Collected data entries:

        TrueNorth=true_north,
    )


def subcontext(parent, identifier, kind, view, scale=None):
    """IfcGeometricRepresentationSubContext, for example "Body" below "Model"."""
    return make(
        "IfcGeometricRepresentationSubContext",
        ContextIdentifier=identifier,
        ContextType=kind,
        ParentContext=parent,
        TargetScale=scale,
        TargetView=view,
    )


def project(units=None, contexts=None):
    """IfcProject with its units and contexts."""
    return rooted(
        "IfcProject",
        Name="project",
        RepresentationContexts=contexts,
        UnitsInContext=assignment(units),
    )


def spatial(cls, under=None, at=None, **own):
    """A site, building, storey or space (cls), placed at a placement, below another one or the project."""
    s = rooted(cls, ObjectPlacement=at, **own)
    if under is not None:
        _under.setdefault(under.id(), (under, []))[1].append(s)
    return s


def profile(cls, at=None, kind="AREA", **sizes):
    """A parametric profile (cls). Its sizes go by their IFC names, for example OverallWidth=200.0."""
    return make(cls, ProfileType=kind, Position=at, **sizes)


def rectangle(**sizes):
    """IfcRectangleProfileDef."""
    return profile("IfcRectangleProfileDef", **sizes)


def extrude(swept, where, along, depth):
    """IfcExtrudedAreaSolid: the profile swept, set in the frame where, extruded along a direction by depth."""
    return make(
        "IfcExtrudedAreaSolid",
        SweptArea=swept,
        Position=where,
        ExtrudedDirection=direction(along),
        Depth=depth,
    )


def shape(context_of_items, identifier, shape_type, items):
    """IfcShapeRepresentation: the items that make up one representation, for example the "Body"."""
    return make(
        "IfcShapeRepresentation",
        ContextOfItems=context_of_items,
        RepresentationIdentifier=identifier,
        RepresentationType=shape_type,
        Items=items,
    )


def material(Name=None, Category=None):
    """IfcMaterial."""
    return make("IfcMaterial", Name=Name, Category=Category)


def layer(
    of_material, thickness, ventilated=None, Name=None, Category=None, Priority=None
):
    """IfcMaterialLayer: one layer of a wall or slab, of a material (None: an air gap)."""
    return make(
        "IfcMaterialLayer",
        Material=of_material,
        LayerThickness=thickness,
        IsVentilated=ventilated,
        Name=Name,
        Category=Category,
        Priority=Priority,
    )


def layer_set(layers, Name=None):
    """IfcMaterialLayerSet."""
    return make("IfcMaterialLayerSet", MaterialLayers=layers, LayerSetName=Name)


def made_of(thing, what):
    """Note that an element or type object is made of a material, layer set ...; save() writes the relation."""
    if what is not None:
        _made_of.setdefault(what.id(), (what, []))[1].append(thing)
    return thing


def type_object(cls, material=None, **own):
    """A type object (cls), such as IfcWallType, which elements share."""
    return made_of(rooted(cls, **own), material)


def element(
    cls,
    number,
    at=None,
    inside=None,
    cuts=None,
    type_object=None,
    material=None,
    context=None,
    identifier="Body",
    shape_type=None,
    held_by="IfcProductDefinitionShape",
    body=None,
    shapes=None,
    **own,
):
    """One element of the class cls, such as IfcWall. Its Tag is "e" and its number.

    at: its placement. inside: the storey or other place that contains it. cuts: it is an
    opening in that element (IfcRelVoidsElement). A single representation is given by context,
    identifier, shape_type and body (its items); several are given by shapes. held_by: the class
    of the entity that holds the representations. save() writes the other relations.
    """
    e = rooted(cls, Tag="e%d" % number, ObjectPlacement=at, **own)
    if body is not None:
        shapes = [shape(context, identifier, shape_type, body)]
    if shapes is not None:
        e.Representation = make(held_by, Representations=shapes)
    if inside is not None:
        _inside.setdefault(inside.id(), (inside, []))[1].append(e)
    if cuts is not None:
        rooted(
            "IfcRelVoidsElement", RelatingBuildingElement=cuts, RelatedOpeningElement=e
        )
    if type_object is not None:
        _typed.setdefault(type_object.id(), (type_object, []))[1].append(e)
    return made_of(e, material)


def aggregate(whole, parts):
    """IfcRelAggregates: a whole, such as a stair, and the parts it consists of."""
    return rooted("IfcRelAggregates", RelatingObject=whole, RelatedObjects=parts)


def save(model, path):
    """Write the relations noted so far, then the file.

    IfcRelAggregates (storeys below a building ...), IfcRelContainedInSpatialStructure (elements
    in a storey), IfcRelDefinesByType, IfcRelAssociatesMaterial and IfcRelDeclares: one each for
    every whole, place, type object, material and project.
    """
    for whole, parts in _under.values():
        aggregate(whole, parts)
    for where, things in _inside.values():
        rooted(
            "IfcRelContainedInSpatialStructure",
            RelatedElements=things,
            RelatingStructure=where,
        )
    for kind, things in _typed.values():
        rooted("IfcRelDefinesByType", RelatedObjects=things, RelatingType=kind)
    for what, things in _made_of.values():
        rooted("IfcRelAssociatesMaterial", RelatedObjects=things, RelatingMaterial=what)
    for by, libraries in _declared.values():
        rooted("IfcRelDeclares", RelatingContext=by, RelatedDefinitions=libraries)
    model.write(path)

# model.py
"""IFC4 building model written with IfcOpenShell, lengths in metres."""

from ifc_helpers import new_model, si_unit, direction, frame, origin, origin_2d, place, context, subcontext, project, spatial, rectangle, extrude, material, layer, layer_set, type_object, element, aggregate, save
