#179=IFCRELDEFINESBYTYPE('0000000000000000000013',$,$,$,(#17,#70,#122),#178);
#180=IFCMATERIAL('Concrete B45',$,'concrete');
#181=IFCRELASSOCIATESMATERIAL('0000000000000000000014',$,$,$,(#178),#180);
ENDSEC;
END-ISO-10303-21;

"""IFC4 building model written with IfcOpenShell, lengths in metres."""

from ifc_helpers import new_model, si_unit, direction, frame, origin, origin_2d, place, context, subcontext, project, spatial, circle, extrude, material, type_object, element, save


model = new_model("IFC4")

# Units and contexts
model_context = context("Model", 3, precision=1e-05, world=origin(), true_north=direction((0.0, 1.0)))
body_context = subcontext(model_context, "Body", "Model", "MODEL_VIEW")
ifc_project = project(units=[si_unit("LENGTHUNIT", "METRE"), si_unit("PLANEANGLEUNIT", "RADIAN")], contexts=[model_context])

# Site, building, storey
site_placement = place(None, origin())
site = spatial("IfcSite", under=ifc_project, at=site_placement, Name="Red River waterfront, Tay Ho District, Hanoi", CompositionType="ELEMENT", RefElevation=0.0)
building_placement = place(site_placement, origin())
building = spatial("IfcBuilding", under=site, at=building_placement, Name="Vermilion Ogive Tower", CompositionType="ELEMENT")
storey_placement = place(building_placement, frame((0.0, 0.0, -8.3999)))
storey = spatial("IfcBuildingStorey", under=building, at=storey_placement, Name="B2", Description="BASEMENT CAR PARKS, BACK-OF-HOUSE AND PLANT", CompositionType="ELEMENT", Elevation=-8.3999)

# WHAT THIS TASK INVOLVES:
Find each line in the records holding the string "Category" and show it.

# TASK OUTPUT:
def material(Name=None, Category=None):
    return make("IfcMaterial", Name=Name, Category=Category)
    of_material, thickness, ventilated=None, Name=None, Category=None, Priority=None
        Category=Category,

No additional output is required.